Requirement »
Print the records exactly as given.

Stored items:
════════════════════
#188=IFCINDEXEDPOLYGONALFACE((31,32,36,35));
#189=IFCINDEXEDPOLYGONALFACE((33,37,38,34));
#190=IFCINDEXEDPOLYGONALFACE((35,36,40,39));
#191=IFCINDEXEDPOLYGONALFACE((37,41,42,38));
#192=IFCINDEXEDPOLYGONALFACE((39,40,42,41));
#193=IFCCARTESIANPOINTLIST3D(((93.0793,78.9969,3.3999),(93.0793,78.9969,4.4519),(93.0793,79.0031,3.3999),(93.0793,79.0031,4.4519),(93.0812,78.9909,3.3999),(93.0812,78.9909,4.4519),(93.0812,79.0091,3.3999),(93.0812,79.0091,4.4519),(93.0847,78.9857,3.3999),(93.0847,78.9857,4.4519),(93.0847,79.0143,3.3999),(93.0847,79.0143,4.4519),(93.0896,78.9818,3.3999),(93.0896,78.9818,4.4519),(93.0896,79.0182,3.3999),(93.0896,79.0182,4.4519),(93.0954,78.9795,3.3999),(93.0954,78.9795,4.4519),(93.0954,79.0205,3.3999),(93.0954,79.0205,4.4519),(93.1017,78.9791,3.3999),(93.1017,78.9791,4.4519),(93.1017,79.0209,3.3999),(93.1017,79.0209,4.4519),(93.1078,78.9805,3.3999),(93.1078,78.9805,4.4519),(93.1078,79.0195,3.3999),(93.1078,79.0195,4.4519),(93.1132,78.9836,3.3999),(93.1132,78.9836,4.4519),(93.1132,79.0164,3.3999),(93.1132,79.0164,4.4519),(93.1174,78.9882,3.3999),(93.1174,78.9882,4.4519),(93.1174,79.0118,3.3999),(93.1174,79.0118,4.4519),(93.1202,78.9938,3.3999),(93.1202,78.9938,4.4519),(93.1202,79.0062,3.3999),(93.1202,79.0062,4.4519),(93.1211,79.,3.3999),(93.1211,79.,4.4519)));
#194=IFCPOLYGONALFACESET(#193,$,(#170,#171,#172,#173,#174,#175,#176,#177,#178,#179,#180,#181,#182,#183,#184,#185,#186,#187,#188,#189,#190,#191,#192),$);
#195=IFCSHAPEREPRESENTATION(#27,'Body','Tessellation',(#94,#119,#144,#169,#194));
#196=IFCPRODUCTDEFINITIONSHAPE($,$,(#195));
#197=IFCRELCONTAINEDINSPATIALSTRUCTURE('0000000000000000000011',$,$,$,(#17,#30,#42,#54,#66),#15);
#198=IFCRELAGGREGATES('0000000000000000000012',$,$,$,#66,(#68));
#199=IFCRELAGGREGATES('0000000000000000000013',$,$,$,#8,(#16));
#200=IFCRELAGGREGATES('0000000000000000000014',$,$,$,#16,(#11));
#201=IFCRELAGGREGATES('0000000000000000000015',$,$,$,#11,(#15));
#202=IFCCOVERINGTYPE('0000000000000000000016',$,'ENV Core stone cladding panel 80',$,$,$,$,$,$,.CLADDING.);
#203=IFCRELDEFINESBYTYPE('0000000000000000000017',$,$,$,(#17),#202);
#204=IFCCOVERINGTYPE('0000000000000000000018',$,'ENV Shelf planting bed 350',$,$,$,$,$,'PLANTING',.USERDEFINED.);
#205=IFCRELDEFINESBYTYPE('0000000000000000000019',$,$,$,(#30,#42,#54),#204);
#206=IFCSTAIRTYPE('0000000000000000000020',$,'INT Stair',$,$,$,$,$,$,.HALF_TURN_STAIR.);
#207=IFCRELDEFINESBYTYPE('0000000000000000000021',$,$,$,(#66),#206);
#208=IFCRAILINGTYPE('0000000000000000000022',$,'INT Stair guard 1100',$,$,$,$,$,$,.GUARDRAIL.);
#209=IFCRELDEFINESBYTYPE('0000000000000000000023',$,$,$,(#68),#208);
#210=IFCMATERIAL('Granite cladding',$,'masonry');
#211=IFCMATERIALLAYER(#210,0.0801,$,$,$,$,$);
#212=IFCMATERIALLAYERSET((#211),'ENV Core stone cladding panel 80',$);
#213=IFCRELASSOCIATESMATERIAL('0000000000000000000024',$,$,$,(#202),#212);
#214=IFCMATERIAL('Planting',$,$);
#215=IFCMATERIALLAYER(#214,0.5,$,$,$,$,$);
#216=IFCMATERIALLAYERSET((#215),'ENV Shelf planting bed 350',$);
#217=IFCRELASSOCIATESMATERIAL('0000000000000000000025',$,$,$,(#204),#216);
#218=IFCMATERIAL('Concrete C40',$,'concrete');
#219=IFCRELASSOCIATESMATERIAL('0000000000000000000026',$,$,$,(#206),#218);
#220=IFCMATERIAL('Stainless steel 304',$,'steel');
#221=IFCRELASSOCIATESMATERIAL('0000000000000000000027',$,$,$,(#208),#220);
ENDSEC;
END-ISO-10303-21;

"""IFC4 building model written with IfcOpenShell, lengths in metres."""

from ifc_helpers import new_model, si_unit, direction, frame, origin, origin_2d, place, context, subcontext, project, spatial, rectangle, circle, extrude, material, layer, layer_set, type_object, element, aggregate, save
════════════════════
Response to this task »
#188=IFCINDEXEDPOLYGONALFACE((31,32,36,35));
#189=IFCINDEXEDPOLYGONALFACE((33,37,38,34));
#190=IFCINDEXEDPOLYGONALFACE((35,36,40,39));
#191=IFCINDEXEDPOLYGONALFACE((37,41,42,38));
#192=IFCINDEXEDPOLYGONALFACE((39,40,42,41));
#193=IFCCARTESIANPOINTLIST3D(((93.0793,78.9969,3.3999),(93.0793,78.9969,4.4519),(93.0793,79.0031,3.3999),(93.0793,79.0031,4.4519),(93.0812,78.9909,3.3999),(93.0812,78.9909,4.4519),(93.0812,79.0091,3.3999),(93.0812,79.0091,4.4519),(93.0847,78.9857,3.3999),(93.0847,78.9857,4.4519),(93.0847,79.0143,3.3999),(93.0847,79.0143,4.4519),(93.0896,78.9818,3.3999),(93.0896,78.9818,4.4519),(93.0896,79.0182,3.3999),(93.0896,79.0182,4.4519),(93.0954,78.9795,3.3999),(93.0954,78.9795,4.4519),(93.0954,79.0205,3.3999),(93.0954,79.0205,4.4519),(93.1017,78.9791,3.3999),(93.1017,78.9791,4.4519),(93.1017,79.0209,3.3999),(93.1017,79.0209,4.4519),(93.1078,78.9805,3.3999),(93.1078,78.9805,4.4519),(93.1078,79.0195,3.3999),(93.1078,79.0195,4.4519),(93.1132,78.9836,3.3999),(93.1132,78.9836,4.4519),(93.1132,79.0164,3.3999),(93.1132,79.0164,4.4519),(93.1174,78.9882,3.3999),(93.1174,78.9882,4.4519),(93.1174,79.0118,3.3999),(93.1174,79.0118,4.4519),(93.1202,78.9938,3.3999),(93.1202,78.9938,4.4519),(93.1202,79.0062,3.3999),(93.1202,79.0062,4.4519),(93.1211,79.,3.3999),(93.1211,79.,4.4519)));
#194=IFCPOLYGONALFACESET(#193,$,(#170,#171,#172,#173,#174,#175,#176,#177,#178,#179,#180,#181,#182,#183,#184,#185,#186,#187,#188,#189,#190,#191,#192),$);
#195=IFCSHAPEREPRESENTATION(#27,'Body','Tessellation',(#94,#119,#144,#169,#194));
#196=IFCPRODUCTDEFINITIONSHAPE($,$,(#195));
#197=IFCRELCONTAINEDINSPATIALSTRUCTURE('0000000000000000000011',$,$,$,(#17,#30,#42,#54,#66),#15);
#198=IFCRELAGGREGATES('0000000000000000000012',$,$,$,#66,(#68));
#199=IFCRELAGGREGATES('0000000000000000000013',$,$,$,#8,(#16));
#200=IFCRELAGGREGATES('0000000000000000000014',$,$,$,#16,(#11));
#201=IFCRELAGGREGATES('0000000000000000000015',$,$,$,#11,(#15));
#202=IFCCOVERINGTYPE('0000000000000000000016',$,'ENV Core stone cladding panel 80',$,$,$,$,$,$,.CLADDING.);
#203=IFCRELDEFINESBYTYPE('0000000000000000000017',$,$,$,(#17),#202);
#204=IFCCOVERINGTYPE('0000000000000000000018',$,'ENV Shelf planting bed 350',$,$,$,$,$,'PLANTING',.USERDEFINED.);
#205=IFCRELDEFINESBYTYPE('0000000000000000000019',$,$,$,(#30,#42,#54),#204);
#206=IFCSTAIRTYPE('0000000000000000000020',$,'INT Stair',$,$,$,$,$,$,.HALF_TURN_STAIR.);
#207=IFCRELDEFINESBYTYPE('0000000000000000000021',$,$,$,(#66),#206);
#208=IFCRAILINGTYPE('0000000000000000000022',$,'INT Stair guard 1100',$,$,$,$,$,$,.GUARDRAIL.);
#209=IFCRELDEFINESBYTYPE('0000000000000000000023',$,$,$,(#68),#208);
#210=IFCMATERIAL('Granite cladding',$,'masonry');
#211=IFCMATERIALLAYER(#210,0.0801,$,$,$,$,$);
#212=IFCMATERIALLAYERSET((#211),'ENV Core stone cladding panel 80',$);
#213=IFCRELASSOCIATESMATERIAL('0000000000000000000024',$,$,$,(#202),#212);
#214=IFCMATERIAL('Planting',$,$);
#215=IFCMATERIALLAYER(#214,0.5,$,$,$,$,$);
#216=IFCMATERIALLAYERSET((#215),'ENV Shelf planting bed 350',$);
#217=IFCRELASSOCIATESMATERIAL('0000000000000000000025',$,$,$,(#204),#216);
#218=IFCMATERIAL('Concrete C40',$,'concrete');
#219=IFCRELASSOCIATESMATERIAL('0000000000000000000026',$,$,$,(#206),#218);
#220=IFCMATERIAL('Stainless steel 304',$,'steel');
#221=IFCRELASSOCIATESMATERIAL('0000000000000000000027',$,$,$,(#208),#220);
ENDSEC;
END-ISO-10303-21;

"""IFC4 building model written with IfcOpenShell, lengths in metres."""

from ifc_helpers import new_model, si_unit, direction, frame, origin, origin_2d, place, context, subcontext, project, spatial, rectangle, circle, extrude, material, layer, layer_set, type_object, element, aggregate, save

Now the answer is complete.